_Task brief_
Quote exactly and only this range of lines in the data below: the line that holds "#108=IFCINDEXEDPOLYGONALFACE((1,37,69,33));" to the line that holds "#128=IFCINDEXEDPOLYGONALFACE((20,56,58,22));", both included.

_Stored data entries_
----

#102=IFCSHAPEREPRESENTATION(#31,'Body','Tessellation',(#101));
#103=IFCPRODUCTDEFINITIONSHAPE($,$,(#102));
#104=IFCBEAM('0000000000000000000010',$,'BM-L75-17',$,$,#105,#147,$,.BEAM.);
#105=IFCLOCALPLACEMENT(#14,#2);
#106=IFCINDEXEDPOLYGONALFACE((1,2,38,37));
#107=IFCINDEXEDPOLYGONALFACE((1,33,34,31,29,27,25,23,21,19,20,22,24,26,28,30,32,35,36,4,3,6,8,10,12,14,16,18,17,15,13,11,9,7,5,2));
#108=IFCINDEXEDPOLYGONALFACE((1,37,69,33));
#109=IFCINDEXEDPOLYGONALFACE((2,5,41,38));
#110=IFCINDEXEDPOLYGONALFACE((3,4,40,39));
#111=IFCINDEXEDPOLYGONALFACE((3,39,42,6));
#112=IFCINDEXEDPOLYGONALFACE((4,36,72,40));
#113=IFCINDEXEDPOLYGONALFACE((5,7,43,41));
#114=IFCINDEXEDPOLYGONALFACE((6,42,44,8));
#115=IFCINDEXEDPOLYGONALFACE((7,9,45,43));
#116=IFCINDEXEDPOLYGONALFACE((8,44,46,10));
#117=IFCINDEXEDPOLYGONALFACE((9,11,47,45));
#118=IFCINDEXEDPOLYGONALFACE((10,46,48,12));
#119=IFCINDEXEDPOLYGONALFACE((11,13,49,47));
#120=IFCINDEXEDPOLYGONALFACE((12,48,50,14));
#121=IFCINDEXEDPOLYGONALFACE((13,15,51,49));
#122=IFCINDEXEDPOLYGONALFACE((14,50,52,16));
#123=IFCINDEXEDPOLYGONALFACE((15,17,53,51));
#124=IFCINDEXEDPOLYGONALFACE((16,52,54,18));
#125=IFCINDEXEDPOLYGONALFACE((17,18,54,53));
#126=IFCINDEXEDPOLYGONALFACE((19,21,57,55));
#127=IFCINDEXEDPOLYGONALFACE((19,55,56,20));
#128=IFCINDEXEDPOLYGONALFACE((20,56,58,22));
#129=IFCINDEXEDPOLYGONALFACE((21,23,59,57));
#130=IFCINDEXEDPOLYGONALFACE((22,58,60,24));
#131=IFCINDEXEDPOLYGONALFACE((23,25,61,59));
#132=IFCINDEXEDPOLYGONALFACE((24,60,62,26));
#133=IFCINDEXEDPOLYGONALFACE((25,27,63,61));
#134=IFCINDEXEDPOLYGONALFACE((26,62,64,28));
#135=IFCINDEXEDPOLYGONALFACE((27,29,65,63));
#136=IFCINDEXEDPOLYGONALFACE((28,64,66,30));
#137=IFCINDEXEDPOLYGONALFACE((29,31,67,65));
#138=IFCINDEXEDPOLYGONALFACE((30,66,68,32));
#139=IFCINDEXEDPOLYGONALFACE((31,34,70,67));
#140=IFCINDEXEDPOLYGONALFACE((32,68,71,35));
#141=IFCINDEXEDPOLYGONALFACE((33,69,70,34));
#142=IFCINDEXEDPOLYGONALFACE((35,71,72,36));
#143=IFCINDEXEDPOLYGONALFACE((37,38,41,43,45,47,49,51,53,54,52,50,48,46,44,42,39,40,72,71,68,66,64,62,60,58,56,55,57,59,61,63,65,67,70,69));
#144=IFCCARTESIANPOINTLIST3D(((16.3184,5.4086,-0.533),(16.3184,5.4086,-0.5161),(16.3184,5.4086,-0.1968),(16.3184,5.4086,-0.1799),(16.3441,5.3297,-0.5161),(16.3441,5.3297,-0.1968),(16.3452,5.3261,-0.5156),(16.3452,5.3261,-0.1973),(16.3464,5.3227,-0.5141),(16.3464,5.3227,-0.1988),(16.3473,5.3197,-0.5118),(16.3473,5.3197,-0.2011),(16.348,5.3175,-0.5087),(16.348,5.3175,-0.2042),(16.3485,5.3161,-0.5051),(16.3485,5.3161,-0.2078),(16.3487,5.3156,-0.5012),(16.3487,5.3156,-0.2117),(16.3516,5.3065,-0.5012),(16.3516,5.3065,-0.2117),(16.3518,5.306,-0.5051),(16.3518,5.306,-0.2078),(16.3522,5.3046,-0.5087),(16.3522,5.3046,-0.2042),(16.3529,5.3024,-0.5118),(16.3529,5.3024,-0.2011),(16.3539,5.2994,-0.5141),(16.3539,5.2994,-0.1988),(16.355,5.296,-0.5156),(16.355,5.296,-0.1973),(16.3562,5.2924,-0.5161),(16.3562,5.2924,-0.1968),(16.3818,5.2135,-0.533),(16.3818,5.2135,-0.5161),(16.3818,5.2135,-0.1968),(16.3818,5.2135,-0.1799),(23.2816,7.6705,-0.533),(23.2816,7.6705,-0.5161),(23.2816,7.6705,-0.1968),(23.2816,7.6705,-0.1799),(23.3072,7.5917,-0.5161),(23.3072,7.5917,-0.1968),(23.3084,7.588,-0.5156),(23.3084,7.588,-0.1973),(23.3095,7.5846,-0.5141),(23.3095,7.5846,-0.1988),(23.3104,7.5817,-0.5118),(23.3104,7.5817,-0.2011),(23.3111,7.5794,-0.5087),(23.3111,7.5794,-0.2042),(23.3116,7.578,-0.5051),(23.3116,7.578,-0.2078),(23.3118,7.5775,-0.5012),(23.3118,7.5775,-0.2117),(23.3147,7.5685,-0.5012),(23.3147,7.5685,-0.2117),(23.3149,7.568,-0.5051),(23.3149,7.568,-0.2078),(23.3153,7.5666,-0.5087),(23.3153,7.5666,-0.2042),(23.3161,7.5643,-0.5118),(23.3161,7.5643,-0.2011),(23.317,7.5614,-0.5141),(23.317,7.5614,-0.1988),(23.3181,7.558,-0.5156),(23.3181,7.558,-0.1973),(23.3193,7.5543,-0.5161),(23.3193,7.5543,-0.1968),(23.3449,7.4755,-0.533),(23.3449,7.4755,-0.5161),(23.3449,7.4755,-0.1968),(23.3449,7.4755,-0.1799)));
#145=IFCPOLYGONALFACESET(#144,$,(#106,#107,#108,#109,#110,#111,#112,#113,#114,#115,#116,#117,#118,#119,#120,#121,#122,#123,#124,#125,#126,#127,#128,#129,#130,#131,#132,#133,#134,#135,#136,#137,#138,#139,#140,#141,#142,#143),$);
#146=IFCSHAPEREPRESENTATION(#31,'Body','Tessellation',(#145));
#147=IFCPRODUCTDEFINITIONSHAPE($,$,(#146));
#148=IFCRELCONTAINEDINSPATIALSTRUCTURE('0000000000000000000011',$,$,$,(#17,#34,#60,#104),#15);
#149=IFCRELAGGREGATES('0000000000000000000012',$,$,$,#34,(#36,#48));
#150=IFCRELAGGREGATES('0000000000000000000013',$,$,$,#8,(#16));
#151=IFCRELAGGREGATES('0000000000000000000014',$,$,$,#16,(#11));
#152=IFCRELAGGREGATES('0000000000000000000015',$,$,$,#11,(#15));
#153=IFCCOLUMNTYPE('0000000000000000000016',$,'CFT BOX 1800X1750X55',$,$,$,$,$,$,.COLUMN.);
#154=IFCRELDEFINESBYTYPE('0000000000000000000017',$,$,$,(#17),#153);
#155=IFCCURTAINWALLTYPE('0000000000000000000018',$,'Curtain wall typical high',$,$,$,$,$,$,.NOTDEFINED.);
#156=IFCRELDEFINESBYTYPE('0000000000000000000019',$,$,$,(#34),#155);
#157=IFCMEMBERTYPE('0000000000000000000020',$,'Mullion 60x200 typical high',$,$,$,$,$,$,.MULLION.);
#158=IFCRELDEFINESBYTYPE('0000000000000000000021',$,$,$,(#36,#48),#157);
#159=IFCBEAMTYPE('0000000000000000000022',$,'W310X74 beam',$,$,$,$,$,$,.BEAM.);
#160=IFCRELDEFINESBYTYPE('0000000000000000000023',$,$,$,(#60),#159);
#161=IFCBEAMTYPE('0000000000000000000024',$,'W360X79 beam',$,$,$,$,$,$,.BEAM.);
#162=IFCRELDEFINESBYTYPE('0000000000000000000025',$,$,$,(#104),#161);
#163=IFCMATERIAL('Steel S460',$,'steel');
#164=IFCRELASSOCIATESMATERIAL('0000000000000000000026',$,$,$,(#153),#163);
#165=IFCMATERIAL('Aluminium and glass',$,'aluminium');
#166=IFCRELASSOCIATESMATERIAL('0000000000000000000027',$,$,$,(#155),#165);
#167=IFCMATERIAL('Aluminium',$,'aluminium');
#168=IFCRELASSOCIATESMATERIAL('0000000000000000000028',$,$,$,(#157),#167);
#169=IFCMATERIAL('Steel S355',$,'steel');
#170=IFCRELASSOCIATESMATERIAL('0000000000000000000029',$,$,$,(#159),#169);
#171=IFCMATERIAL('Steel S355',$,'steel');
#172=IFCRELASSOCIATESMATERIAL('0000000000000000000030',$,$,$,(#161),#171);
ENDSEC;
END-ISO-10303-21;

----

_Reply_
#108=IFCINDEXEDPOLYGONALFACE((1,37,69,33));
#109=IFCINDEXEDPOLYGONALFACE((2,5,41,38));
#110=IFCINDEXEDPOLYGONALFACE((3,4,40,39));
#111=IFCINDEXEDPOLYGONALFACE((3,39,42,6));
#112=IFCINDEXEDPOLYGONALFACE((4,36,72,40));
#113=IFCINDEXEDPOLYGONALFACE((5,7,43,41));
#114=IFCINDEXEDPOLYGONALFACE((6,42,44,8));
#115=IFCINDEXEDPOLYGONALFACE((7,9,45,43));
#116=IFCINDEXEDPOLYGONALFACE((8,44,46,10));
#117=IFCINDEXEDPOLYGONALFACE((9,11,47,45));
#118=IFCINDEXEDPOLYGONALFACE((10,46,48,12));
#119=IFCINDEXEDPOLYGONALFACE((11,13,49,47));
#120=IFCINDEXEDPOLYGONALFACE((12,48,50,14));
#121=IFCINDEXEDPOLYGONALFACE((13,15,51,49));
#122=IFCINDEXEDPOLYGONALFACE((14,50,52,16));
#123=IFCINDEXEDPOLYGONALFACE((15,17,53,51));
#124=IFCINDEXEDPOLYGONALFACE((16,52,54,18));
#125=IFCINDEXEDPOLYGONALFACE((17,18,54,53));
#126=IFCINDEXEDPOLYGONALFACE((19,21,57,55));
#127=IFCINDEXEDPOLYGONALFACE((19,55,56,20));
#128=IFCINDEXEDPOLYGONALFACE((20,56,58,22));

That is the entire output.